• Exercise objective
Give back only the line containing "#219=IFCMATERIAL('Concrete B-40 (C32/40)',$,'concrete');" and every line after it through the end of the data below, transcribed exactly.

── Information ──

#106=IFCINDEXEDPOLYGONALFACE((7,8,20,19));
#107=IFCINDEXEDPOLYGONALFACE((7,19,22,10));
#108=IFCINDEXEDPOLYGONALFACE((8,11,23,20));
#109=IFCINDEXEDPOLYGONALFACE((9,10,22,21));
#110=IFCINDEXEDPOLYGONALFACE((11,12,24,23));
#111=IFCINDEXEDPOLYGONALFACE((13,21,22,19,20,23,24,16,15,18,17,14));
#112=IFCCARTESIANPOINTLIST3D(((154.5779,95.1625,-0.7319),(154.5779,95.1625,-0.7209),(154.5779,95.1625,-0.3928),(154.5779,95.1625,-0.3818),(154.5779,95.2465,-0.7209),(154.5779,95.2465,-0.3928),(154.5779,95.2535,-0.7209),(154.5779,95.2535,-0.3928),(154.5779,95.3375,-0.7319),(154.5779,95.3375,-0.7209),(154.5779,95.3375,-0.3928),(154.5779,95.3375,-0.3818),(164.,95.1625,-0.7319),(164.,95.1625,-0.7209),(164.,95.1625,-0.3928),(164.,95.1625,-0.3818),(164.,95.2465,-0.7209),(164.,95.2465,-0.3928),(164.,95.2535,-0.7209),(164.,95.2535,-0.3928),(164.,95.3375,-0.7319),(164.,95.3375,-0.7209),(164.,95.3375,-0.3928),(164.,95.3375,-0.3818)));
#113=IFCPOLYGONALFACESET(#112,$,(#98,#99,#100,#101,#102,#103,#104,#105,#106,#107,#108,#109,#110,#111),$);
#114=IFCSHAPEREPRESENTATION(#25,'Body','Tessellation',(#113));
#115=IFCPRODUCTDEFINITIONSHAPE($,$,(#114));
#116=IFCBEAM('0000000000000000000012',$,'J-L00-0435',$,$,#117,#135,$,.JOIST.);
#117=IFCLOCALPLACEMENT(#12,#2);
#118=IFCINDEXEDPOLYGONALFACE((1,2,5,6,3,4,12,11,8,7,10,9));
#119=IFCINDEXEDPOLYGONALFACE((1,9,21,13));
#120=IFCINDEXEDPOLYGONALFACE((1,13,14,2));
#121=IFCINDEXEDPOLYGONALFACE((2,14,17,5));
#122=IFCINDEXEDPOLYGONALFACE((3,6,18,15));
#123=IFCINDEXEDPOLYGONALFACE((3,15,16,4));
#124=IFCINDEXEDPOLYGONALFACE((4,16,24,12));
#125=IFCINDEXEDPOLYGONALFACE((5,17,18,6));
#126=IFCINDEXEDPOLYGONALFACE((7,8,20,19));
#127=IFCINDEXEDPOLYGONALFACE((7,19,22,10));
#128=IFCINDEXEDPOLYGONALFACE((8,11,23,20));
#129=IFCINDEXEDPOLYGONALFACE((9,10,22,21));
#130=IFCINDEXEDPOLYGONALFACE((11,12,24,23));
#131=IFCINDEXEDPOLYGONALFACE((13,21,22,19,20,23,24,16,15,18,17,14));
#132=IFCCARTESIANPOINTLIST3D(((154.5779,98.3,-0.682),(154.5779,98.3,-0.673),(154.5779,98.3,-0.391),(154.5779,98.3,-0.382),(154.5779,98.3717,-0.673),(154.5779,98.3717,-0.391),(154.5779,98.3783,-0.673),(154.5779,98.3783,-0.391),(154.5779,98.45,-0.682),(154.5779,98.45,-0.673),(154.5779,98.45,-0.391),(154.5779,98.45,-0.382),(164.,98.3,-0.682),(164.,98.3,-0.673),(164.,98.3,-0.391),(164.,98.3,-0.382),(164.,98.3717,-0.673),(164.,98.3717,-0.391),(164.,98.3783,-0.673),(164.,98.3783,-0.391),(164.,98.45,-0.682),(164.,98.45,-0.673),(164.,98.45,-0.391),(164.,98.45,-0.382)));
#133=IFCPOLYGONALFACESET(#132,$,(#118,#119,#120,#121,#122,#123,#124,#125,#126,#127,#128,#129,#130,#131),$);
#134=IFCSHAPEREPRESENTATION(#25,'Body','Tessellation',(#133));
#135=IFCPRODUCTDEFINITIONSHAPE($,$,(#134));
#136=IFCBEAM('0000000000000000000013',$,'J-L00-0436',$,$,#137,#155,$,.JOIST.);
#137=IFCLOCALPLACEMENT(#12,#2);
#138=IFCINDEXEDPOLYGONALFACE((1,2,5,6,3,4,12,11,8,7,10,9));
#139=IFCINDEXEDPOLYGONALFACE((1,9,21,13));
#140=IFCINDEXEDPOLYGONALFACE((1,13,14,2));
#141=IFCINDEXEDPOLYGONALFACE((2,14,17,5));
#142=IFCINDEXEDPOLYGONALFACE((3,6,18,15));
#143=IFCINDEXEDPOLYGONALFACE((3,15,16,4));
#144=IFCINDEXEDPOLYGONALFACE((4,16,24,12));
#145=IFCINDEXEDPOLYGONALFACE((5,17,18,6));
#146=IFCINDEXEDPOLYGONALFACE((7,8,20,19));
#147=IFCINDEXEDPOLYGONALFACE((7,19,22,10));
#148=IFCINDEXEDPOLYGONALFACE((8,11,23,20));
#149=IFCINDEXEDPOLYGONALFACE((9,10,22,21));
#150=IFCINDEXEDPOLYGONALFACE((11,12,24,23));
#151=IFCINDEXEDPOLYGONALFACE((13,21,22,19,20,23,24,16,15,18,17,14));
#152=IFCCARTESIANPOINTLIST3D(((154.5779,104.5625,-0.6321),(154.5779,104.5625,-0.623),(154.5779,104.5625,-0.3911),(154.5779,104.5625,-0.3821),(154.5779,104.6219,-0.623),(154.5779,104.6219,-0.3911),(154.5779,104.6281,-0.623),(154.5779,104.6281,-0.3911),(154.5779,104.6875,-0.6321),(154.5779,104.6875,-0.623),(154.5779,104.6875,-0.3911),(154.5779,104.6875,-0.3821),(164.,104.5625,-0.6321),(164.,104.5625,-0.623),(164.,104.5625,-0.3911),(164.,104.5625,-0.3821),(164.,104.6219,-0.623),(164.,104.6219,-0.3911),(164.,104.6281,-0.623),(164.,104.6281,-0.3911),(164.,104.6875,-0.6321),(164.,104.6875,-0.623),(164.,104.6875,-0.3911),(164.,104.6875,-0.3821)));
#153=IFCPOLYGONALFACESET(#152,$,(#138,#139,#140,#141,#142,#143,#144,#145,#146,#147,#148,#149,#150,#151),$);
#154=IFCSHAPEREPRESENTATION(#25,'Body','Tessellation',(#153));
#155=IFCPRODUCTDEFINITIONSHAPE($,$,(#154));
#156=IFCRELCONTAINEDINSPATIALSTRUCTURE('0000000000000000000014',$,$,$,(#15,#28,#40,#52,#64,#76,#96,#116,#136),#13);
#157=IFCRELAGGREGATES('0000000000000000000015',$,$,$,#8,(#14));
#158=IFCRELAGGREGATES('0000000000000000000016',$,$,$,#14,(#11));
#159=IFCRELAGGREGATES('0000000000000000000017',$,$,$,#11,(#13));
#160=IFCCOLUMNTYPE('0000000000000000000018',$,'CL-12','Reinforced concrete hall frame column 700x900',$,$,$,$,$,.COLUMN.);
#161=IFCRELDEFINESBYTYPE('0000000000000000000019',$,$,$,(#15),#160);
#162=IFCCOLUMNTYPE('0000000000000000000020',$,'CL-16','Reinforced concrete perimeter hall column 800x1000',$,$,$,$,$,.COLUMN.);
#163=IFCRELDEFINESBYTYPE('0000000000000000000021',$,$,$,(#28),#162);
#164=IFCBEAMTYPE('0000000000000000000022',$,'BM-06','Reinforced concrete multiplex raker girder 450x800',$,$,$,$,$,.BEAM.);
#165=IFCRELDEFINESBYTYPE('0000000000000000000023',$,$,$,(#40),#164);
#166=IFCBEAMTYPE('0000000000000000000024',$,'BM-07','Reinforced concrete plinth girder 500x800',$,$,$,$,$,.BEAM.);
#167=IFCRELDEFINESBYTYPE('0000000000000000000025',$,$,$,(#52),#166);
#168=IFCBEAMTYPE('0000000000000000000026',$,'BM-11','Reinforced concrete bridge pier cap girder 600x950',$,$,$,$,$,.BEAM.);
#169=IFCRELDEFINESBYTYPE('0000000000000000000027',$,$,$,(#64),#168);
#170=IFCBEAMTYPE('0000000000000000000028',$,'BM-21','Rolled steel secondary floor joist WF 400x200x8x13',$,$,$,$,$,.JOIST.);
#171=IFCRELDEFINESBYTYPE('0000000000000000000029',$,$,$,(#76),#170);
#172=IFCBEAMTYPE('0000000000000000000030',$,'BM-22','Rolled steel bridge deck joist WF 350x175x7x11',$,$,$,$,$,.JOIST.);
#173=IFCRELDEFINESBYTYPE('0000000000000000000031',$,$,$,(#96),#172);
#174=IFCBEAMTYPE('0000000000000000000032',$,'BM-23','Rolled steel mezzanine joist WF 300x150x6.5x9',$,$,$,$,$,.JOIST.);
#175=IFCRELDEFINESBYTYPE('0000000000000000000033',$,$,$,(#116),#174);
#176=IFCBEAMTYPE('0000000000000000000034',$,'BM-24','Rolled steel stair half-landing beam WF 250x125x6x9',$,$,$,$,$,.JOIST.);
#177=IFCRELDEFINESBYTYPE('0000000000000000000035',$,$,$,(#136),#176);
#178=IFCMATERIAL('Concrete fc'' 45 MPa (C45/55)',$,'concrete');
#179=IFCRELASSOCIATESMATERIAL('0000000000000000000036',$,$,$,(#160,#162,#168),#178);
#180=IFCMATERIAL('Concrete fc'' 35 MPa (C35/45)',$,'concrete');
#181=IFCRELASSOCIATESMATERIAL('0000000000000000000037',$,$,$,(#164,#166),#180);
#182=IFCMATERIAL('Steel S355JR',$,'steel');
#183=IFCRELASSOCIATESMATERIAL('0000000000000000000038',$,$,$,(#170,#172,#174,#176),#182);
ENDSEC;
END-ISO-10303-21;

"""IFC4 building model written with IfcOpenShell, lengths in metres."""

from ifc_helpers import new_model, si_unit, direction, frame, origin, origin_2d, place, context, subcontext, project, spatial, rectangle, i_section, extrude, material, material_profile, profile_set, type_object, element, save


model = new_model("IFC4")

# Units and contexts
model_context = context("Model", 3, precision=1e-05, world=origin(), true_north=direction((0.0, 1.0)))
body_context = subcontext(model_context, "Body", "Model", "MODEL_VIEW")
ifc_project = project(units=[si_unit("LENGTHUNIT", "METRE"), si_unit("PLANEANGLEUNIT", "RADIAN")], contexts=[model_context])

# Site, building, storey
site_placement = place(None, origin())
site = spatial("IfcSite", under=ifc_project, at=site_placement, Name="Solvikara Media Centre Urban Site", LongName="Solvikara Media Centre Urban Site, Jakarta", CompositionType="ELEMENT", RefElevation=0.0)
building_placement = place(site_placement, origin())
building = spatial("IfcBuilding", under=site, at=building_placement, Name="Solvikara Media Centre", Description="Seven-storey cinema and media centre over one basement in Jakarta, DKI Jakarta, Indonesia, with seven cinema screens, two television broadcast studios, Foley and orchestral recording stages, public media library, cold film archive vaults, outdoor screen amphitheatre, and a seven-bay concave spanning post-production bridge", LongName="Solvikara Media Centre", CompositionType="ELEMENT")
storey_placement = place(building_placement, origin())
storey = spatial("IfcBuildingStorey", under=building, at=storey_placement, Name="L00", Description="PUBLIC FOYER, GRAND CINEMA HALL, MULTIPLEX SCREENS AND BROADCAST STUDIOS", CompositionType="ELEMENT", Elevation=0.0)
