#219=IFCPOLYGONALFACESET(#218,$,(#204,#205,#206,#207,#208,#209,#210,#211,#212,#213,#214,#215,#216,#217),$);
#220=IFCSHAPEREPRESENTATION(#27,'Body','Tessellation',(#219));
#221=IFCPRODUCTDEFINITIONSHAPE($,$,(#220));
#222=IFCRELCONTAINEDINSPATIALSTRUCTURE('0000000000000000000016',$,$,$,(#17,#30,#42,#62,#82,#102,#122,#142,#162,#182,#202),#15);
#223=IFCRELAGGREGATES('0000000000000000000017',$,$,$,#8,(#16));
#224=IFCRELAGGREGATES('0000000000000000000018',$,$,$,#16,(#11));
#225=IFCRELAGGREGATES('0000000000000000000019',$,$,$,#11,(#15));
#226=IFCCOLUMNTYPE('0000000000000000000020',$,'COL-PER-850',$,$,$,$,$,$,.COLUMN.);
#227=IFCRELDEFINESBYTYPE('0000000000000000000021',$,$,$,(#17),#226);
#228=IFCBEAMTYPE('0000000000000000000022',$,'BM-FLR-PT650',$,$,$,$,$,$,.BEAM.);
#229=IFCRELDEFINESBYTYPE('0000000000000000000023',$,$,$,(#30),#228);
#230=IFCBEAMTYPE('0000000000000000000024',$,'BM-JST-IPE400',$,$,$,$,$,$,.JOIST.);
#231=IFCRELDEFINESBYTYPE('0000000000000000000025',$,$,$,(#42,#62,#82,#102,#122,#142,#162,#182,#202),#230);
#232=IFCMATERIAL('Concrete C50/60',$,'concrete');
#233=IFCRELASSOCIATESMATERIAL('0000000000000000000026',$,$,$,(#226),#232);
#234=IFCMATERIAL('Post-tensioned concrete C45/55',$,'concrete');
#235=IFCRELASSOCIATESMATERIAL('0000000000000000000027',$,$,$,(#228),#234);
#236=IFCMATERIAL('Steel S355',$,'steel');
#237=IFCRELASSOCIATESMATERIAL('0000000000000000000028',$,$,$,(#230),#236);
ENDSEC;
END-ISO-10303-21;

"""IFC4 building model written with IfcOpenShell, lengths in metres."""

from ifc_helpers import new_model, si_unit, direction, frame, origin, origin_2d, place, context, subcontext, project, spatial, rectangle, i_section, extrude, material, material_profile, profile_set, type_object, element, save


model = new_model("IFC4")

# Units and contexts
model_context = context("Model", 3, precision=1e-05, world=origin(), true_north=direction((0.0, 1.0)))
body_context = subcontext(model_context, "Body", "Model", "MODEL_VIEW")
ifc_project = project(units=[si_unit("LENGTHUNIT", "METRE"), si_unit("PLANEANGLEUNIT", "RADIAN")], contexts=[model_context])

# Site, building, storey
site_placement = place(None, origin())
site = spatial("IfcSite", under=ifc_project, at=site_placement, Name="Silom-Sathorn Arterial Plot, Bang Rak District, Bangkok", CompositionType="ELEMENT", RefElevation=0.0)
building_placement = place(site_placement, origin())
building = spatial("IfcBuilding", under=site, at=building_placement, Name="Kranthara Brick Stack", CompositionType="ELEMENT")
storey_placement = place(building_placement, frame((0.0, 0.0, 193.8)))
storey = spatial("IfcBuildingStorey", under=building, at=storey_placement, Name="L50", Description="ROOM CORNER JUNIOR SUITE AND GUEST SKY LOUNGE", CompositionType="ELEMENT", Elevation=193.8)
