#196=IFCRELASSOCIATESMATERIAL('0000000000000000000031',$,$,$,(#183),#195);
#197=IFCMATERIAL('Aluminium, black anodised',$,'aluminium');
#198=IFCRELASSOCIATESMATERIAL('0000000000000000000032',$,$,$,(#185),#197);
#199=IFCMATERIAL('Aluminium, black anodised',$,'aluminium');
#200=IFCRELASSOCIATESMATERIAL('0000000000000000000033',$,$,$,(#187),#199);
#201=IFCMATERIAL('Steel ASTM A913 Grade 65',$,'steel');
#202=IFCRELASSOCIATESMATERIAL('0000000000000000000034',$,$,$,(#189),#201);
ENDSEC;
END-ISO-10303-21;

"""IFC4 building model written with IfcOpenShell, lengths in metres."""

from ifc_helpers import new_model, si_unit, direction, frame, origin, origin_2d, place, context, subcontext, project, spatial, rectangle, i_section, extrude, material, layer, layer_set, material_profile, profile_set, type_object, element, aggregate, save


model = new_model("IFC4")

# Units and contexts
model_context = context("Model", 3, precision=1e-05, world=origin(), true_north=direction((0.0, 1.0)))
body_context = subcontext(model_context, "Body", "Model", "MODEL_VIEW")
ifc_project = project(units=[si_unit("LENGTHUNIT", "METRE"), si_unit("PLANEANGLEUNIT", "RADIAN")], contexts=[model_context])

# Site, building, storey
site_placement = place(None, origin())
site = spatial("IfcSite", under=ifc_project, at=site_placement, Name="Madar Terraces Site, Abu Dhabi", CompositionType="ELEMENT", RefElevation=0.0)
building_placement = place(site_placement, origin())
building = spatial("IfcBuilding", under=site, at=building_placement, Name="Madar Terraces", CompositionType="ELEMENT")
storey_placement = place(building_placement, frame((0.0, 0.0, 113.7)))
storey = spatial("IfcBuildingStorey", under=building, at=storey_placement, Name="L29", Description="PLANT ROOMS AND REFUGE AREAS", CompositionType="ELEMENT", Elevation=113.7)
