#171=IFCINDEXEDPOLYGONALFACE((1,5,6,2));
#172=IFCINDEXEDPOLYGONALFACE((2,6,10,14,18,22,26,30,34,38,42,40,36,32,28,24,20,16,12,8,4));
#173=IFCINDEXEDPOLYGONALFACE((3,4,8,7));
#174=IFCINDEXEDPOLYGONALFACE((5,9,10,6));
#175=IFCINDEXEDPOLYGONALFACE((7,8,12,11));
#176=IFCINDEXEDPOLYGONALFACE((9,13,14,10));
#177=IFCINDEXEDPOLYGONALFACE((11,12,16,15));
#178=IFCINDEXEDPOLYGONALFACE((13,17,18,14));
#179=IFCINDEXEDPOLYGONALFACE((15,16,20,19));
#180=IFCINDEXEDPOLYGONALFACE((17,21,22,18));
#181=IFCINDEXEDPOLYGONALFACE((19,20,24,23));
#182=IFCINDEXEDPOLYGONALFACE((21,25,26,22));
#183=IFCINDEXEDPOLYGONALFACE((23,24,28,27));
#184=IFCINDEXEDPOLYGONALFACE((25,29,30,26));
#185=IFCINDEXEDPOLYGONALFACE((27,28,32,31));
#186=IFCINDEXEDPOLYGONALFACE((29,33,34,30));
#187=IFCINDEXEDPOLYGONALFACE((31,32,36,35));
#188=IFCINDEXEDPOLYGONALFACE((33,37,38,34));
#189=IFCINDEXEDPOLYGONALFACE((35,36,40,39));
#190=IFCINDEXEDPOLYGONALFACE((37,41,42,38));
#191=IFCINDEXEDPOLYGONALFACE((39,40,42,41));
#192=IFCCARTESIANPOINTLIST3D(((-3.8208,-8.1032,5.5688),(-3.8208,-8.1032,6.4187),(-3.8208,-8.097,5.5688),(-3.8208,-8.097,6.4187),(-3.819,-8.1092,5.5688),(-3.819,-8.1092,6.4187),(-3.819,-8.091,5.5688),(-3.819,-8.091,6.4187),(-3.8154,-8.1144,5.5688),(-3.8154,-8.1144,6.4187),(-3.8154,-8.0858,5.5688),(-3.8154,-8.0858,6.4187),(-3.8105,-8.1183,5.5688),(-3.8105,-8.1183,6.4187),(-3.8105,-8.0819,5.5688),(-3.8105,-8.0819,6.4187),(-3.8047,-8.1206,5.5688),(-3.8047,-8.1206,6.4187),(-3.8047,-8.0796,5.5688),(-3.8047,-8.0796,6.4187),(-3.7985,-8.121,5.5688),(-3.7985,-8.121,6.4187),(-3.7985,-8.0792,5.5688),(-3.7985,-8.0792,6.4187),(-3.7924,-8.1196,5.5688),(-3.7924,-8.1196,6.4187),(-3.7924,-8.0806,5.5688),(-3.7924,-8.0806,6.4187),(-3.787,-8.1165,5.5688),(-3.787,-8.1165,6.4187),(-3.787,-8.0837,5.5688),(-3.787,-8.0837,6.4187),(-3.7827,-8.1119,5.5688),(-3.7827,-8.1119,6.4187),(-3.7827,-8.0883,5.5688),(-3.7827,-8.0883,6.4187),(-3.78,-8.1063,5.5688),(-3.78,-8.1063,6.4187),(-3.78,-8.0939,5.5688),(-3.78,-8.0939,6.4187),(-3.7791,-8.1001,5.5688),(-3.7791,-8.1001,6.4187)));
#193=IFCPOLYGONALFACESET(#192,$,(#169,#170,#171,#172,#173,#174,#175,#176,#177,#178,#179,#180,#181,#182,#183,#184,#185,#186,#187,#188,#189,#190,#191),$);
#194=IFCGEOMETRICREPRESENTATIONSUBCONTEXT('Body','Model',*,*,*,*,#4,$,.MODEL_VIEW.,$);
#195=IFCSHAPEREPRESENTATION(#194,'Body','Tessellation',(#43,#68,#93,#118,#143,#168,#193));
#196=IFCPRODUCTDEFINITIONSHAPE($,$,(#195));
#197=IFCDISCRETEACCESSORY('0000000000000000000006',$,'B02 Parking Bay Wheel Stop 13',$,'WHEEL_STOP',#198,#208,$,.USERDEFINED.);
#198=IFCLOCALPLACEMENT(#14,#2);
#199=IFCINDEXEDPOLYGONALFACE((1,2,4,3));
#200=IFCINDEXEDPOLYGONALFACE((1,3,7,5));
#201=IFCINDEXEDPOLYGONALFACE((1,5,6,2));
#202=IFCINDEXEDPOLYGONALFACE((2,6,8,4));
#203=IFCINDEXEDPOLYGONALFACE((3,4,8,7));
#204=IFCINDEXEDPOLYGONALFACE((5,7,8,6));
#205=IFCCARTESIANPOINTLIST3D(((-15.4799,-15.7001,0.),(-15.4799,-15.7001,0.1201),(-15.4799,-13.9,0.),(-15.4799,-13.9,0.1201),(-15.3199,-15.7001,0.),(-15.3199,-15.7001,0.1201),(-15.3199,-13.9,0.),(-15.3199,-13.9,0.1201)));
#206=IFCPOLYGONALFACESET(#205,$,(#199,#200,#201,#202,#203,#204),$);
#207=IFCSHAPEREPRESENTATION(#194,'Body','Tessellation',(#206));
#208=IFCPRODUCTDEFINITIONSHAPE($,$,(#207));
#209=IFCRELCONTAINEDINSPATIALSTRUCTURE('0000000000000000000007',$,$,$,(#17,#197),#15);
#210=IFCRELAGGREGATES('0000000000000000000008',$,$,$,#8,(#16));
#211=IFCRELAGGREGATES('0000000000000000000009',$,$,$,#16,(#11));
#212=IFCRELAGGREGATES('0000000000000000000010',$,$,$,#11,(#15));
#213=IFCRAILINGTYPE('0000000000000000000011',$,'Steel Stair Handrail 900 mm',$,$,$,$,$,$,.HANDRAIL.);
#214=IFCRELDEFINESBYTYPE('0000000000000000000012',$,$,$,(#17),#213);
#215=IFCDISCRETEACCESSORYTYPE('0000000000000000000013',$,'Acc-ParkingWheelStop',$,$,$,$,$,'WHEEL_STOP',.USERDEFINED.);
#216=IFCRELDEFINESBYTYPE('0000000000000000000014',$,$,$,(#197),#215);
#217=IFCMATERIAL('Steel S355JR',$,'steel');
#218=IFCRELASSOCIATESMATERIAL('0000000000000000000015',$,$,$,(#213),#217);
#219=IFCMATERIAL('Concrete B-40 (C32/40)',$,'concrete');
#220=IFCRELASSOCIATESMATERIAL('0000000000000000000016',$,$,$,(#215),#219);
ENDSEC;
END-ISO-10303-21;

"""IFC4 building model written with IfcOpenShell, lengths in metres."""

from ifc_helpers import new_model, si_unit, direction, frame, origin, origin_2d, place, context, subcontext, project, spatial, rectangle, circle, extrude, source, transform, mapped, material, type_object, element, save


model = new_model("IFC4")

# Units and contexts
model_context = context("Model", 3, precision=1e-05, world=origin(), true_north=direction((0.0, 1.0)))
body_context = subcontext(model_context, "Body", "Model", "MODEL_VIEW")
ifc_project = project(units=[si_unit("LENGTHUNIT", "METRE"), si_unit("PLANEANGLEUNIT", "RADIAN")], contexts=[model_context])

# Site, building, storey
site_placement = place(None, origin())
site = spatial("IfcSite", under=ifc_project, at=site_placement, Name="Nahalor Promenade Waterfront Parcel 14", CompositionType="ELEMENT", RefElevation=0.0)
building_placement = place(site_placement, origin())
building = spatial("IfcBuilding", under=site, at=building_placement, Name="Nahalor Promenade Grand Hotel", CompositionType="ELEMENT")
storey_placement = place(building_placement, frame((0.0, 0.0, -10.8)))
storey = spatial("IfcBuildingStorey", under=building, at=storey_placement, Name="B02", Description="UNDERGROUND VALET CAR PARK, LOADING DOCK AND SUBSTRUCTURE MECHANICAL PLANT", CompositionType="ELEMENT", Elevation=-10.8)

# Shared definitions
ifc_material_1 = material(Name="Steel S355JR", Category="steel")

───

• Exercise response
#219=IFCMATERIAL('Concrete B-40 (C32/40)',$,'concrete');
#220=IFCRELASSOCIATESMATERIAL('0000000000000000000016',$,$,$,(#215),#219);
ENDSEC;
END-ISO-10303-21;

"""IFC4 building model written with IfcOpenShell, lengths in metres."""

from ifc_helpers import new_model, si_unit, direction, frame, origin, origin_2d, place, context, subcontext, project, spatial, rectangle, circle, extrude, source, transform, mapped, material, type_object, element, save


model = new_model("IFC4")

# Units and contexts
model_context = context("Model", 3, precision=1e-05, world=origin(), true_north=direction((0.0, 1.0)))
body_context = subcontext(model_context, "Body", "Model", "MODEL_VIEW")
ifc_project = project(units=[si_unit("LENGTHUNIT", "METRE"), si_unit("PLANEANGLEUNIT", "RADIAN")], contexts=[model_context])

# Site, building, storey
site_placement = place(None, origin())
site = spatial("IfcSite", under=ifc_project, at=site_placement, Name="Nahalor Promenade Waterfront Parcel 14", CompositionType="ELEMENT", RefElevation=0.0)
building_placement = place(site_placement, origin())
building = spatial("IfcBuilding", under=site, at=building_placement, Name="Nahalor Promenade Grand Hotel", CompositionType="ELEMENT")
storey_placement = place(building_placement, frame((0.0, 0.0, -10.8)))
storey = spatial("IfcBuildingStorey", under=building, at=storey_placement, Name="B02", Description="UNDERGROUND VALET CAR PARK, LOADING DOCK AND SUBSTRUCTURE MECHANICAL PLANT", CompositionType="ELEMENT", Elevation=-10.8)

# Shared definitions
ifc_material_1 = material(Name="Steel S355JR", Category="steel")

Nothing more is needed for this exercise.